**Try it:** Begin at the line containing "#169=IFCMATERIALLAYER(#168,0.1201,$,$,$,$,$);" in the data below and go on through the line containing "element, aggregate, save", repeating each line exactly; include both ends and no other line.

[Listed entries]

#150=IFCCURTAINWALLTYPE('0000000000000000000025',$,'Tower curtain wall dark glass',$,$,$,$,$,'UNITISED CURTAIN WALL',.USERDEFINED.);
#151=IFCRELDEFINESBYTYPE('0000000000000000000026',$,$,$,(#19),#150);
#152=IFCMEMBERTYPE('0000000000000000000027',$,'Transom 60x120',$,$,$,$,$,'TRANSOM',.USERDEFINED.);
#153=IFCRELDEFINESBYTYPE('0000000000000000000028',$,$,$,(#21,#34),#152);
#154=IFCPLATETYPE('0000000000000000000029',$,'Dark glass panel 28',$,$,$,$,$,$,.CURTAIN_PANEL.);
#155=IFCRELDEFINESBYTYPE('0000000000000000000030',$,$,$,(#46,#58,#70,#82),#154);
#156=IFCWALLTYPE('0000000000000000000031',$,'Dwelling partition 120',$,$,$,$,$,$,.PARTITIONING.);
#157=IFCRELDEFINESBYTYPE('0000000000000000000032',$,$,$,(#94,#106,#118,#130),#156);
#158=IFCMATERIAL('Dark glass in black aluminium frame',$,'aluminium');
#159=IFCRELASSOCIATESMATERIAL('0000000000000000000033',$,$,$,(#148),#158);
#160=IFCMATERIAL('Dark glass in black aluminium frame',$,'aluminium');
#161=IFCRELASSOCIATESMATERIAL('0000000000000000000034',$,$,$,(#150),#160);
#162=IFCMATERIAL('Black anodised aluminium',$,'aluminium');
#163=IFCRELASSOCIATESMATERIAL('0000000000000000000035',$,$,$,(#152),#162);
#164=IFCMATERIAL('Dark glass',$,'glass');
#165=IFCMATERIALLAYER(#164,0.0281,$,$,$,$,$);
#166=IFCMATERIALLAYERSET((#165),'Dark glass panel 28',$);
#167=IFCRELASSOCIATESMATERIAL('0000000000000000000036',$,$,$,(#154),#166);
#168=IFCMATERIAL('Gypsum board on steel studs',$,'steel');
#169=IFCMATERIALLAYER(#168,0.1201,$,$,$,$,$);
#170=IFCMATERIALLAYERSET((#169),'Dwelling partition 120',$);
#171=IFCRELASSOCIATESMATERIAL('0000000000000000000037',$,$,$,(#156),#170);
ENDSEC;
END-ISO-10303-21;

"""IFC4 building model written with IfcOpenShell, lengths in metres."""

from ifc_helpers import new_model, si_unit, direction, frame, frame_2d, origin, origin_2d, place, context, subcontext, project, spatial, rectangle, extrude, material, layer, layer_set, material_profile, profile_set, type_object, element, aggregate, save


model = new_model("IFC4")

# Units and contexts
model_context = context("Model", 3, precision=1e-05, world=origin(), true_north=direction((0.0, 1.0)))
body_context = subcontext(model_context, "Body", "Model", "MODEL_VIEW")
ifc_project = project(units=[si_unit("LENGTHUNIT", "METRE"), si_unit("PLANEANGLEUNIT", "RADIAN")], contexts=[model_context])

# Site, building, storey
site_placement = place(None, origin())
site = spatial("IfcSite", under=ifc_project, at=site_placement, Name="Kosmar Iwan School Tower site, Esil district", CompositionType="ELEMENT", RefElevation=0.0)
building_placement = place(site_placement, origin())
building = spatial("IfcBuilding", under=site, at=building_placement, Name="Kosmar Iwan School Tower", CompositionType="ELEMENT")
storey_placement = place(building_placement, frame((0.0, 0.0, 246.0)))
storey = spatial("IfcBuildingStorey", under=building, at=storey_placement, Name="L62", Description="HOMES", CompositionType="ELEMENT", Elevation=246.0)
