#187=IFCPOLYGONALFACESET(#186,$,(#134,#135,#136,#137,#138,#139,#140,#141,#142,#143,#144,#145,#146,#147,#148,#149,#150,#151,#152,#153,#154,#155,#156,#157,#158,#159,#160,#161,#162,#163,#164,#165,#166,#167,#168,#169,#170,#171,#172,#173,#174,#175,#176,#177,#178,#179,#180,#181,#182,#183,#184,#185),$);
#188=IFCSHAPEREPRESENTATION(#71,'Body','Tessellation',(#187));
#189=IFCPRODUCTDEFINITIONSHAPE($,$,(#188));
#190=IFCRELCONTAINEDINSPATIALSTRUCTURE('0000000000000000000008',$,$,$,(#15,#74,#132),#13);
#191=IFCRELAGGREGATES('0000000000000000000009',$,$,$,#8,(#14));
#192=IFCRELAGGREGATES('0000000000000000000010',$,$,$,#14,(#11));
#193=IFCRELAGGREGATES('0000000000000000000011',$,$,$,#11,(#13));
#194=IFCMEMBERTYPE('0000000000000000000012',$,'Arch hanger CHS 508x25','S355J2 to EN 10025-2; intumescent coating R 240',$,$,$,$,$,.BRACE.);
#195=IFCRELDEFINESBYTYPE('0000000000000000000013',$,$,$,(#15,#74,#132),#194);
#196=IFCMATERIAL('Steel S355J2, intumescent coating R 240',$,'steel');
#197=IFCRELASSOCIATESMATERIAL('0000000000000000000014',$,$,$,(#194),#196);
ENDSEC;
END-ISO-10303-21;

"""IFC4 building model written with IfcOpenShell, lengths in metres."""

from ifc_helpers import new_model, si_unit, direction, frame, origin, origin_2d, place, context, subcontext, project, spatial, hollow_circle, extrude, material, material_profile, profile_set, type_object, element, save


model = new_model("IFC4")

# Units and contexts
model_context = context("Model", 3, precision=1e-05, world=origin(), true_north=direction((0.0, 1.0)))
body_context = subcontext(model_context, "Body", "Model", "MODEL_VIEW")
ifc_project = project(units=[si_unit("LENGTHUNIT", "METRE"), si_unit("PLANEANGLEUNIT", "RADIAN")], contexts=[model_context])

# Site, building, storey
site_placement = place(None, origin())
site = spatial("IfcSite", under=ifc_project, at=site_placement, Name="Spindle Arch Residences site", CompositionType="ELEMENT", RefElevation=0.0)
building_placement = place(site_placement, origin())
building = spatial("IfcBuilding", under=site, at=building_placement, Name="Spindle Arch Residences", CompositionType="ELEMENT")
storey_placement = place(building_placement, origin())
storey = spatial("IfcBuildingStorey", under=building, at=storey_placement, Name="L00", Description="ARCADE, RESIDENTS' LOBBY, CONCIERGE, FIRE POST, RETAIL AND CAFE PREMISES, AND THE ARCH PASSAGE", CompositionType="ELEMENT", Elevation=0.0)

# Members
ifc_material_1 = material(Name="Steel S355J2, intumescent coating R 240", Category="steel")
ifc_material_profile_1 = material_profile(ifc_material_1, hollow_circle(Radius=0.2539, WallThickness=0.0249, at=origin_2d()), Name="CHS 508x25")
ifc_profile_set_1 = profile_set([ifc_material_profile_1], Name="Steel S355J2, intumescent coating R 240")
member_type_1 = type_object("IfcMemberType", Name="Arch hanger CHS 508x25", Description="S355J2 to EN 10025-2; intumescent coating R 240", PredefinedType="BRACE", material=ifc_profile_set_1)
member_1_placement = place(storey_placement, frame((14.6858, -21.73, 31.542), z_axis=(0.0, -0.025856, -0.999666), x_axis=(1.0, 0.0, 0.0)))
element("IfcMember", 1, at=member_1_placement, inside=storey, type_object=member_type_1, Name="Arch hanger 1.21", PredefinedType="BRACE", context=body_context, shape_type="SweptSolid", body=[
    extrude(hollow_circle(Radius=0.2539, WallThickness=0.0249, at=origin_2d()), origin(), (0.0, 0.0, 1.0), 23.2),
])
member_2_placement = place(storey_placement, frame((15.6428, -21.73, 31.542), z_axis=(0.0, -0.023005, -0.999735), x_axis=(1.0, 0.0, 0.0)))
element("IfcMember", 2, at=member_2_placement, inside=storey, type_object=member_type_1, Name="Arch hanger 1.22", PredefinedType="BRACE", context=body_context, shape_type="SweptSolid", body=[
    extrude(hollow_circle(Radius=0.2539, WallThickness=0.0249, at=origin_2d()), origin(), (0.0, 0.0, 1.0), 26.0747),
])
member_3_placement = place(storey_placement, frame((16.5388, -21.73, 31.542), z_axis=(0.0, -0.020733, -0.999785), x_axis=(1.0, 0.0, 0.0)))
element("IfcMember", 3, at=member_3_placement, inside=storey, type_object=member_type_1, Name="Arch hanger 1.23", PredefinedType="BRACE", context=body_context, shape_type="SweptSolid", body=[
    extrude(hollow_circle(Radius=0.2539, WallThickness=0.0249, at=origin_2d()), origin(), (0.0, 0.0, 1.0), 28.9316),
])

[/Listed entries]

**Answer:**
#169=IFCMATERIALLAYER(#168,0.1201,$,$,$,$,$);
#170=IFCMATERIALLAYERSET((#169),'Dwelling partition 120',$);
#171=IFCRELASSOCIATESMATERIAL('0000000000000000000037',$,$,$,(#156),#170);
ENDSEC;
END-ISO-10303-21;

"""IFC4 building model written with IfcOpenShell, lengths in metres."""

from ifc_helpers import new_model, si_unit, direction, frame, frame_2d, origin, origin_2d, place, context, subcontext, project, spatial, rectangle, extrude, material, layer, layer_set, material_profile, profile_set, type_object, element, aggregate, save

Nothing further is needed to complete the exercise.